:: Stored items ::
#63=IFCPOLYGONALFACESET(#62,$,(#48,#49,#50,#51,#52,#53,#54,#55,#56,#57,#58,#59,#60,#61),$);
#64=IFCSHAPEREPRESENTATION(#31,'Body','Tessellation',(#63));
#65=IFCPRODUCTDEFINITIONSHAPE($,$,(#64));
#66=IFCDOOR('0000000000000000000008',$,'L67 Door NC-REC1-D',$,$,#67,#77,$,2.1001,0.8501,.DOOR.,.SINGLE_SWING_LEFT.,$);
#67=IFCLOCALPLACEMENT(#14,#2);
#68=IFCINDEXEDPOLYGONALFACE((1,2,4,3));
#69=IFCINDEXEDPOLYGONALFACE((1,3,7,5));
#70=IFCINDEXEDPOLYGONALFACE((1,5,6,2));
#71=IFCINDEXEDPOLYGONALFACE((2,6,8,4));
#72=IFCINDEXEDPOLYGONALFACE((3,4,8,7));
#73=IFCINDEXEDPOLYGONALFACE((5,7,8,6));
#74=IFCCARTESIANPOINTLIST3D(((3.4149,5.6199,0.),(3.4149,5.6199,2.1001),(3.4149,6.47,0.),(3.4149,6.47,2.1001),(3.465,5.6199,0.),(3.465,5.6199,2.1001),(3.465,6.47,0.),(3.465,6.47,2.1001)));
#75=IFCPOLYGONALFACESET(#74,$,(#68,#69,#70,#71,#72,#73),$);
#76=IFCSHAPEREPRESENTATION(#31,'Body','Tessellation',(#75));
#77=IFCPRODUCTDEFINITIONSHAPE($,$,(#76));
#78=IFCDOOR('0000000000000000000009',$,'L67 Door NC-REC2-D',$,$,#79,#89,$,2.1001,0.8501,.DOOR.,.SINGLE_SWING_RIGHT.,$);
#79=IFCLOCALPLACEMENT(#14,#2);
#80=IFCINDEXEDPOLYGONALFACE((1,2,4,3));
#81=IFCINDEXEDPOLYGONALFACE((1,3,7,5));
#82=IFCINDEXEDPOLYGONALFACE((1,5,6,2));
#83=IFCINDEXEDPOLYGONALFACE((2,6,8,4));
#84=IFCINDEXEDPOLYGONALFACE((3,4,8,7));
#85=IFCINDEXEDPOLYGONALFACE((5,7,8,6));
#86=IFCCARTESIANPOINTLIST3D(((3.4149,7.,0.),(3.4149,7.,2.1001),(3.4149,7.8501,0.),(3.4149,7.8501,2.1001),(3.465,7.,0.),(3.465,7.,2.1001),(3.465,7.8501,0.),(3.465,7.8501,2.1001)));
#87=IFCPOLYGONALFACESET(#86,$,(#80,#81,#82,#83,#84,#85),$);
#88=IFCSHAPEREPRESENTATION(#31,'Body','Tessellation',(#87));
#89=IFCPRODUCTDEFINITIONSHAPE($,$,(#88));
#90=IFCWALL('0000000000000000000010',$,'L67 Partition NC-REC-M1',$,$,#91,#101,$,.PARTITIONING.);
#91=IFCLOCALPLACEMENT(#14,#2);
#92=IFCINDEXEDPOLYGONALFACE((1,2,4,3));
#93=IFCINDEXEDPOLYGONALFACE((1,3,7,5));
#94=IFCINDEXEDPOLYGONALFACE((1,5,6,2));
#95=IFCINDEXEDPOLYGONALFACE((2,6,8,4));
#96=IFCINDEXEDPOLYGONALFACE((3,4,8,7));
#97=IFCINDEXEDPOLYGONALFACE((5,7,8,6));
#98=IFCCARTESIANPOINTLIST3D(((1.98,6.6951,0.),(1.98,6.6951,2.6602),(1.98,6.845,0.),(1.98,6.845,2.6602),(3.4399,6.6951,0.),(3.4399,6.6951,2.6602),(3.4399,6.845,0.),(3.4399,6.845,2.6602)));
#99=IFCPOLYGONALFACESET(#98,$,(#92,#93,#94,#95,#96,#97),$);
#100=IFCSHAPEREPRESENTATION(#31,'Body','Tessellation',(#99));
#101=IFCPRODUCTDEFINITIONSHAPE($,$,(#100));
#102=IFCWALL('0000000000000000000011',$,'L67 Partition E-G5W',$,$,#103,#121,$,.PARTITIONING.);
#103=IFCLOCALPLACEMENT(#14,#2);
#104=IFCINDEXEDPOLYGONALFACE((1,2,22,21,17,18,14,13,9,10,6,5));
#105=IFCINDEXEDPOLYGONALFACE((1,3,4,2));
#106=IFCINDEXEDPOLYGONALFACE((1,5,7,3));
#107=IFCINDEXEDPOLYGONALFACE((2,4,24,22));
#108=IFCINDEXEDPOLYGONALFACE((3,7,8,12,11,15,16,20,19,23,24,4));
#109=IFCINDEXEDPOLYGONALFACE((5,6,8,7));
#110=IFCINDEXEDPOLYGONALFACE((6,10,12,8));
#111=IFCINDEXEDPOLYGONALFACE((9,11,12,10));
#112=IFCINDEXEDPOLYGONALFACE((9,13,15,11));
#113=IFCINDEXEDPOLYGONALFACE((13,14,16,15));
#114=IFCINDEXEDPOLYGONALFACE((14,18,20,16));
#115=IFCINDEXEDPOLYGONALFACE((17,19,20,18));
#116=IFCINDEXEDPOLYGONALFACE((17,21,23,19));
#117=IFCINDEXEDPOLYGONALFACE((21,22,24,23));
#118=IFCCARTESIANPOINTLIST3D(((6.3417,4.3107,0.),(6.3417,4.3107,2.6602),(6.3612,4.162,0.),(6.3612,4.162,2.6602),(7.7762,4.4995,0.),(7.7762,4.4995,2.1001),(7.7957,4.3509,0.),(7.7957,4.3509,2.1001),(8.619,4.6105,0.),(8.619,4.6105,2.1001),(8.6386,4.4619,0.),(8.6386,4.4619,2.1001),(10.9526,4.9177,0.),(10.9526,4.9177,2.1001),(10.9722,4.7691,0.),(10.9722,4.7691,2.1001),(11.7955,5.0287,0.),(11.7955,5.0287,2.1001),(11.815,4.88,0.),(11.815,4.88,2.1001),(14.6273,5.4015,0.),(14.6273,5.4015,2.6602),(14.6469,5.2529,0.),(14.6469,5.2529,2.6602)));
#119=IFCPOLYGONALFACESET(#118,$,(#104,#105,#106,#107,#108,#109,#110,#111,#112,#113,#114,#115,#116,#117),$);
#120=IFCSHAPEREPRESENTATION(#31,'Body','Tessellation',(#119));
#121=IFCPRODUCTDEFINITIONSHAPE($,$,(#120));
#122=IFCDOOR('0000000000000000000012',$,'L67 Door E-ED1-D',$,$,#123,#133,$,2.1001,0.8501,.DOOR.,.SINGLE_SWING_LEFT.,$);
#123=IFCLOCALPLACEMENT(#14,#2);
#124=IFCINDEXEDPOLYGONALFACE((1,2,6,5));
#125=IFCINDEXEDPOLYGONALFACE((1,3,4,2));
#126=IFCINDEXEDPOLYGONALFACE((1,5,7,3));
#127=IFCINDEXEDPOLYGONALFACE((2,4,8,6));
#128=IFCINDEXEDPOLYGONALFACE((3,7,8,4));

:: TASK PROMPT ::
Please restate the preceding entries word for word.

:: OUTPUT ::
#63=IFCPOLYGONALFACESET(#62,$,(#48,#49,#50,#51,#52,#53,#54,#55,#56,#57,#58,#59,#60,#61),$);
#64=IFCSHAPEREPRESENTATION(#31,'Body','Tessellation',(#63));
#65=IFCPRODUCTDEFINITIONSHAPE($,$,(#64));
#66=IFCDOOR('0000000000000000000008',$,'L67 Door NC-REC1-D',$,$,#67,#77,$,2.1001,0.8501,.DOOR.,.SINGLE_SWING_LEFT.,$);
#67=IFCLOCALPLACEMENT(#14,#2);
#68=IFCINDEXEDPOLYGONALFACE((1,2,4,3));
#69=IFCINDEXEDPOLYGONALFACE((1,3,7,5));
#70=IFCINDEXEDPOLYGONALFACE((1,5,6,2));
#71=IFCINDEXEDPOLYGONALFACE((2,6,8,4));
#72=IFCINDEXEDPOLYGONALFACE((3,4,8,7));
#73=IFCINDEXEDPOLYGONALFACE((5,7,8,6));
#74=IFCCARTESIANPOINTLIST3D(((3.4149,5.6199,0.),(3.4149,5.6199,2.1001),(3.4149,6.47,0.),(3.4149,6.47,2.1001),(3.465,5.6199,0.),(3.465,5.6199,2.1001),(3.465,6.47,0.),(3.465,6.47,2.1001)));
#75=IFCPOLYGONALFACESET(#74,$,(#68,#69,#70,#71,#72,#73),$);
#76=IFCSHAPEREPRESENTATION(#31,'Body','Tessellation',(#75));
#77=IFCPRODUCTDEFINITIONSHAPE($,$,(#76));
#78=IFCDOOR('0000000000000000000009',$,'L67 Door NC-REC2-D',$,$,#79,#89,$,2.1001,0.8501,.DOOR.,.SINGLE_SWING_RIGHT.,$);
#79=IFCLOCALPLACEMENT(#14,#2);
#80=IFCINDEXEDPOLYGONALFACE((1,2,4,3));
#81=IFCINDEXEDPOLYGONALFACE((1,3,7,5));
#82=IFCINDEXEDPOLYGONALFACE((1,5,6,2));
#83=IFCINDEXEDPOLYGONALFACE((2,6,8,4));
#84=IFCINDEXEDPOLYGONALFACE((3,4,8,7));
#85=IFCINDEXEDPOLYGONALFACE((5,7,8,6));
#86=IFCCARTESIANPOINTLIST3D(((3.4149,7.,0.),(3.4149,7.,2.1001),(3.4149,7.8501,0.),(3.4149,7.8501,2.1001),(3.465,7.,0.),(3.465,7.,2.1001),(3.465,7.8501,0.),(3.465,7.8501,2.1001)));
#87=IFCPOLYGONALFACESET(#86,$,(#80,#81,#82,#83,#84,#85),$);
#88=IFCSHAPEREPRESENTATION(#31,'Body','Tessellation',(#87));
#89=IFCPRODUCTDEFINITIONSHAPE($,$,(#88));
#90=IFCWALL('0000000000000000000010',$,'L67 Partition NC-REC-M1',$,$,#91,#101,$,.PARTITIONING.);
#91=IFCLOCALPLACEMENT(#14,#2);
#92=IFCINDEXEDPOLYGONALFACE((1,2,4,3));
#93=IFCINDEXEDPOLYGONALFACE((1,3,7,5));
#94=IFCINDEXEDPOLYGONALFACE((1,5,6,2));
#95=IFCINDEXEDPOLYGONALFACE((2,6,8,4));
#96=IFCINDEXEDPOLYGONALFACE((3,4,8,7));
#97=IFCINDEXEDPOLYGONALFACE((5,7,8,6));
#98=IFCCARTESIANPOINTLIST3D(((1.98,6.6951,0.),(1.98,6.6951,2.6602),(1.98,6.845,0.),(1.98,6.845,2.6602),(3.4399,6.6951,0.),(3.4399,6.6951,2.6602),(3.4399,6.845,0.),(3.4399,6.845,2.6602)));
#99=IFCPOLYGONALFACESET(#98,$,(#92,#93,#94,#95,#96,#97),$);
#100=IFCSHAPEREPRESENTATION(#31,'Body','Tessellation',(#99));
#101=IFCPRODUCTDEFINITIONSHAPE($,$,(#100));
#102=IFCWALL('0000000000000000000011',$,'L67 Partition E-G5W',$,$,#103,#121,$,.PARTITIONING.);
#103=IFCLOCALPLACEMENT(#14,#2);
#104=IFCINDEXEDPOLYGONALFACE((1,2,22,21,17,18,14,13,9,10,6,5));
#105=IFCINDEXEDPOLYGONALFACE((1,3,4,2));
#106=IFCINDEXEDPOLYGONALFACE((1,5,7,3));
#107=IFCINDEXEDPOLYGONALFACE((2,4,24,22));
#108=IFCINDEXEDPOLYGONALFACE((3,7,8,12,11,15,16,20,19,23,24,4));
#109=IFCINDEXEDPOLYGONALFACE((5,6,8,7));
#110=IFCINDEXEDPOLYGONALFACE((6,10,12,8));
#111=IFCINDEXEDPOLYGONALFACE((9,11,12,10));
#112=IFCINDEXEDPOLYGONALFACE((9,13,15,11));
#113=IFCINDEXEDPOLYGONALFACE((13,14,16,15));
#114=IFCINDEXEDPOLYGONALFACE((14,18,20,16));
#115=IFCINDEXEDPOLYGONALFACE((17,19,20,18));
#116=IFCINDEXEDPOLYGONALFACE((17,21,23,19));
#117=IFCINDEXEDPOLYGONALFACE((21,22,24,23));
#118=IFCCARTESIANPOINTLIST3D(((6.3417,4.3107,0.),(6.3417,4.3107,2.6602),(6.3612,4.162,0.),(6.3612,4.162,2.6602),(7.7762,4.4995,0.),(7.7762,4.4995,2.1001),(7.7957,4.3509,0.),(7.7957,4.3509,2.1001),(8.619,4.6105,0.),(8.619,4.6105,2.1001),(8.6386,4.4619,0.),(8.6386,4.4619,2.1001),(10.9526,4.9177,0.),(10.9526,4.9177,2.1001),(10.9722,4.7691,0.),(10.9722,4.7691,2.1001),(11.7955,5.0287,0.),(11.7955,5.0287,2.1001),(11.815,4.88,0.),(11.815,4.88,2.1001),(14.6273,5.4015,0.),(14.6273,5.4015,2.6602),(14.6469,5.2529,0.),(14.6469,5.2529,2.6602)));
#119=IFCPOLYGONALFACESET(#118,$,(#104,#105,#106,#107,#108,#109,#110,#111,#112,#113,#114,#115,#116,#117),$);
#120=IFCSHAPEREPRESENTATION(#31,'Body','Tessellation',(#119));
#121=IFCPRODUCTDEFINITIONSHAPE($,$,(#120));
#122=IFCDOOR('0000000000000000000012',$,'L67 Door E-ED1-D',$,$,#123,#133,$,2.1001,0.8501,.DOOR.,.SINGLE_SWING_LEFT.,$);
#123=IFCLOCALPLACEMENT(#14,#2);
#124=IFCINDEXEDPOLYGONALFACE((1,2,6,5));
#125=IFCINDEXEDPOLYGONALFACE((1,3,4,2));
#126=IFCINDEXEDPOLYGONALFACE((1,5,7,3));
#127=IFCINDEXEDPOLYGONALFACE((2,4,8,6));
#128=IFCINDEXEDPOLYGONALFACE((3,7,8,4));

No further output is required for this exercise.